---------- Provided information

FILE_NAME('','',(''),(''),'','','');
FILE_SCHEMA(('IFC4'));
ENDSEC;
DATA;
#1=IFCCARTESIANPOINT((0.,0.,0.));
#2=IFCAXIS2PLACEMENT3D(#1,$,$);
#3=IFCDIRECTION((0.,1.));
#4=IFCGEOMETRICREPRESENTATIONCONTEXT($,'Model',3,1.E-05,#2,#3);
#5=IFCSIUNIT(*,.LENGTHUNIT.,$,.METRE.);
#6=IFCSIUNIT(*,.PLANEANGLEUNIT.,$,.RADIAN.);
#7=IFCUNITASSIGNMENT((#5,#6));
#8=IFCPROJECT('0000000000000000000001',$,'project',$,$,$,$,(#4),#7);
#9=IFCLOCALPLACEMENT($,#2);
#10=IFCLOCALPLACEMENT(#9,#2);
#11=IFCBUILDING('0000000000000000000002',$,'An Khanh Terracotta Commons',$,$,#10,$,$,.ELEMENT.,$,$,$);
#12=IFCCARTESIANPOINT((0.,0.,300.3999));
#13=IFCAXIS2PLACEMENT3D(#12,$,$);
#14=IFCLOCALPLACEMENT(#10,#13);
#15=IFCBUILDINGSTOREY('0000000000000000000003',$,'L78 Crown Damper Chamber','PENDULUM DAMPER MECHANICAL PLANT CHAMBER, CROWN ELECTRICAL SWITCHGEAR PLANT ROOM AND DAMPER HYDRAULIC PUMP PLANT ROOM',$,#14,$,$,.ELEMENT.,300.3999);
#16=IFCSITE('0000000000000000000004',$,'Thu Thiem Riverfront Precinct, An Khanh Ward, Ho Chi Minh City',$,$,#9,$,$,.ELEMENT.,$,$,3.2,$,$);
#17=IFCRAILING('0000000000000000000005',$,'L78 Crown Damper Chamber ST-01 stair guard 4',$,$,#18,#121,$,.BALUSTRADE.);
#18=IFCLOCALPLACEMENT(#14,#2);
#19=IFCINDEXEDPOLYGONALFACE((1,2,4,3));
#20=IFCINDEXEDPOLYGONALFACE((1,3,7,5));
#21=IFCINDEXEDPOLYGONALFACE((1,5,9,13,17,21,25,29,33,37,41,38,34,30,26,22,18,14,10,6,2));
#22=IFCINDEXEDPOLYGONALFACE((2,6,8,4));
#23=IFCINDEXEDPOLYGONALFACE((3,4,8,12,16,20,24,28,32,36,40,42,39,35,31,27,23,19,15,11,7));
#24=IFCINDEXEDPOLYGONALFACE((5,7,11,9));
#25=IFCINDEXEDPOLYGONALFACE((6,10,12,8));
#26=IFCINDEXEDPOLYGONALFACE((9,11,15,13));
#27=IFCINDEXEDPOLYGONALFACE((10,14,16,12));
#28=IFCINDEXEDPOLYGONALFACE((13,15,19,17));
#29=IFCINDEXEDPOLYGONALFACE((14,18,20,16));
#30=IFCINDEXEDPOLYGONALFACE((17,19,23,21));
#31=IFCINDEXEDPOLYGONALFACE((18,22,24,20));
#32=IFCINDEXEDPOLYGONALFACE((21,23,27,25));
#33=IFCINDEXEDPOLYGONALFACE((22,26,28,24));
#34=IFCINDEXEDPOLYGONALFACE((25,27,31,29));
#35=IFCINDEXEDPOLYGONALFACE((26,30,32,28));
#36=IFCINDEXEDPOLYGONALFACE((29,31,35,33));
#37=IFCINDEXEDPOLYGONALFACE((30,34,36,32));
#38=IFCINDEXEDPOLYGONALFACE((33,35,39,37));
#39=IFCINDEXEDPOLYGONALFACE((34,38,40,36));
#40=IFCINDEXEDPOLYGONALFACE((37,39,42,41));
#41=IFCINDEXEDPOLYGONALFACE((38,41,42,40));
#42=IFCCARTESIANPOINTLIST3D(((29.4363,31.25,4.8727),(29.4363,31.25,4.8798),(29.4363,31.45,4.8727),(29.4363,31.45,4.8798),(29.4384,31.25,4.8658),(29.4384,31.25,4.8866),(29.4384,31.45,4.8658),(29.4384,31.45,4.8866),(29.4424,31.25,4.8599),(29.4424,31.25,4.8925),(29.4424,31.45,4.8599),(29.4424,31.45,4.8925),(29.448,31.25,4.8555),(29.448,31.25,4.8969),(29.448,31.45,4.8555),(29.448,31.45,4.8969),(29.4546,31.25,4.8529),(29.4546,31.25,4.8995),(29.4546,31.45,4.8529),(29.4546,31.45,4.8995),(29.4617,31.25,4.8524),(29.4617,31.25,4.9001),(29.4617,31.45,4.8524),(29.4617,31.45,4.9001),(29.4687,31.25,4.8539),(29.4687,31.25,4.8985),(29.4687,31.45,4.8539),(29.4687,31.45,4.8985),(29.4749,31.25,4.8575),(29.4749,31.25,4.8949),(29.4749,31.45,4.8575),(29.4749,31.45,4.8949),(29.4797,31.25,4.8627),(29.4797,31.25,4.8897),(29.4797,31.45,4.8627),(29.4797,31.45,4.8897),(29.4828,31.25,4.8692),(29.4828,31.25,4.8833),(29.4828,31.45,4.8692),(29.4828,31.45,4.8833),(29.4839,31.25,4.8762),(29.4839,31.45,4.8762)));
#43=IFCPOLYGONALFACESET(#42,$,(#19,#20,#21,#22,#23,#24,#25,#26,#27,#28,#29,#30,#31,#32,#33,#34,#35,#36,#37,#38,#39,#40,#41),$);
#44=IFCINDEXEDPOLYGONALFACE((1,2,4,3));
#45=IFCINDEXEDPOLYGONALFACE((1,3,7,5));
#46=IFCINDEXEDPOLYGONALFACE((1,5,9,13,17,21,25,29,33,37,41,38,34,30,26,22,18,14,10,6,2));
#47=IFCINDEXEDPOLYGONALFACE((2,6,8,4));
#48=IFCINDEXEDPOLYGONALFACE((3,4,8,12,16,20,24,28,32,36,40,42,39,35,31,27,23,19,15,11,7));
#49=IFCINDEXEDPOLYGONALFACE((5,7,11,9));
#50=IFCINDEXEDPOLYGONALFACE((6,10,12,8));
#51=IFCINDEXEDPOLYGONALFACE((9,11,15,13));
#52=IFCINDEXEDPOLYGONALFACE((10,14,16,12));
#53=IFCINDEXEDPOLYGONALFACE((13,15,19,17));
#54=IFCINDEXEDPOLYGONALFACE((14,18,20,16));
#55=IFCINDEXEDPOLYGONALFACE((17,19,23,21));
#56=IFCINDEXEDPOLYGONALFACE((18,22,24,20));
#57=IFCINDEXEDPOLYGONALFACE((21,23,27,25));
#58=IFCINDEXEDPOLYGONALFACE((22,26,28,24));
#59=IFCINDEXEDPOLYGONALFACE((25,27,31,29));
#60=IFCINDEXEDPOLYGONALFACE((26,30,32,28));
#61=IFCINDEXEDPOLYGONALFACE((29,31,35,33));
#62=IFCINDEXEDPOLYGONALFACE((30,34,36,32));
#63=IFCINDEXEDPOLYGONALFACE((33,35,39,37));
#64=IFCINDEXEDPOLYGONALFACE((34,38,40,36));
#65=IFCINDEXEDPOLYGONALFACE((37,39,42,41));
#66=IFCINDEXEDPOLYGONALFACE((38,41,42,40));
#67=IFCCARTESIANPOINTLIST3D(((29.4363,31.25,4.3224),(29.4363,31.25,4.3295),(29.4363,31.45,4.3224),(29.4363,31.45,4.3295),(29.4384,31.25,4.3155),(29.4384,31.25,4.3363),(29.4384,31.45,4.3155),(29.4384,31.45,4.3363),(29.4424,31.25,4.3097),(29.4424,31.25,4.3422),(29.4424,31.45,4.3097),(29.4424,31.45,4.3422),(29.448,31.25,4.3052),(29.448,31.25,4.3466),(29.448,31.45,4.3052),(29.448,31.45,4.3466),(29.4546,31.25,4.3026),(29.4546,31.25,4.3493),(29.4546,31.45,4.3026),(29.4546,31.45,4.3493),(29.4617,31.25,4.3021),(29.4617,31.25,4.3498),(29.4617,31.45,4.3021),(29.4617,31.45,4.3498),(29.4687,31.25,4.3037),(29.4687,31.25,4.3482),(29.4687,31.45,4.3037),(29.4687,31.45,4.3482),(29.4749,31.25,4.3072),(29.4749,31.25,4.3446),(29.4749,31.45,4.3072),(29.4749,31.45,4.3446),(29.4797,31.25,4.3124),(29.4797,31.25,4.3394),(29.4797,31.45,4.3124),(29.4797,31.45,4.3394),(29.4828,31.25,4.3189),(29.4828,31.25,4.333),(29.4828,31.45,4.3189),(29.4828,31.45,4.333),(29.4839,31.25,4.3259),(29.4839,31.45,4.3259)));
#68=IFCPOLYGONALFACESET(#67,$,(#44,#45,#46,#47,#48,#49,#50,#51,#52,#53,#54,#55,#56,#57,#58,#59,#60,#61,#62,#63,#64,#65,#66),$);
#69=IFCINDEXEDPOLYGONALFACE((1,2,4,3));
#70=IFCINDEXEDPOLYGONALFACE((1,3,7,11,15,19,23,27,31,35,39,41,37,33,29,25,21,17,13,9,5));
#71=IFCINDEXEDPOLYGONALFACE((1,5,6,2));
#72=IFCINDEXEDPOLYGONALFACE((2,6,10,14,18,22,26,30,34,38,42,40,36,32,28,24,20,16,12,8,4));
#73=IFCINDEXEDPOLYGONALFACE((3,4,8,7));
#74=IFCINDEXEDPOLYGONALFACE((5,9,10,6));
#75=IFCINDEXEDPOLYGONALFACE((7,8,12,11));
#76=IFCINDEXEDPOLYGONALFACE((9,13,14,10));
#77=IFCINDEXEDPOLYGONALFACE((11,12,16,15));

--------------------

## Task item:
Your reply is to repeat, unchanged, the lines above running from the one with "#45=IFCINDEXEDPOLYGONALFACE((1,3,7,5));" up to and including the one with "#63=IFCINDEXEDPOLYGONALFACE((33,35,39,37));".

## Response for this exercise:
#45=IFCINDEXEDPOLYGONALFACE((1,3,7,5));
#46=IFCINDEXEDPOLYGONALFACE((1,5,9,13,17,21,25,29,33,37,41,38,34,30,26,22,18,14,10,6,2));
#47=IFCINDEXEDPOLYGONALFACE((2,6,8,4));
#48=IFCINDEXEDPOLYGONALFACE((3,4,8,12,16,20,24,28,32,36,40,42,39,35,31,27,23,19,15,11,7));
#49=IFCINDEXEDPOLYGONALFACE((5,7,11,9));
#50=IFCINDEXEDPOLYGONALFACE((6,10,12,8));
#51=IFCINDEXEDPOLYGONALFACE((9,11,15,13));
#52=IFCINDEXEDPOLYGONALFACE((10,14,16,12));
#53=IFCINDEXEDPOLYGONALFACE((13,15,19,17));
#54=IFCINDEXEDPOLYGONALFACE((14,18,20,16));
#55=IFCINDEXEDPOLYGONALFACE((17,19,23,21));
#56=IFCINDEXEDPOLYGONALFACE((18,22,24,20));
#57=IFCINDEXEDPOLYGONALFACE((21,23,27,25));
#58=IFCINDEXEDPOLYGONALFACE((22,26,28,24));
#59=IFCINDEXEDPOLYGONALFACE((25,27,31,29));
#60=IFCINDEXEDPOLYGONALFACE((26,30,32,28));
#61=IFCINDEXEDPOLYGONALFACE((29,31,35,33));
#62=IFCINDEXEDPOLYGONALFACE((30,34,36,32));
#63=IFCINDEXEDPOLYGONALFACE((33,35,39,37));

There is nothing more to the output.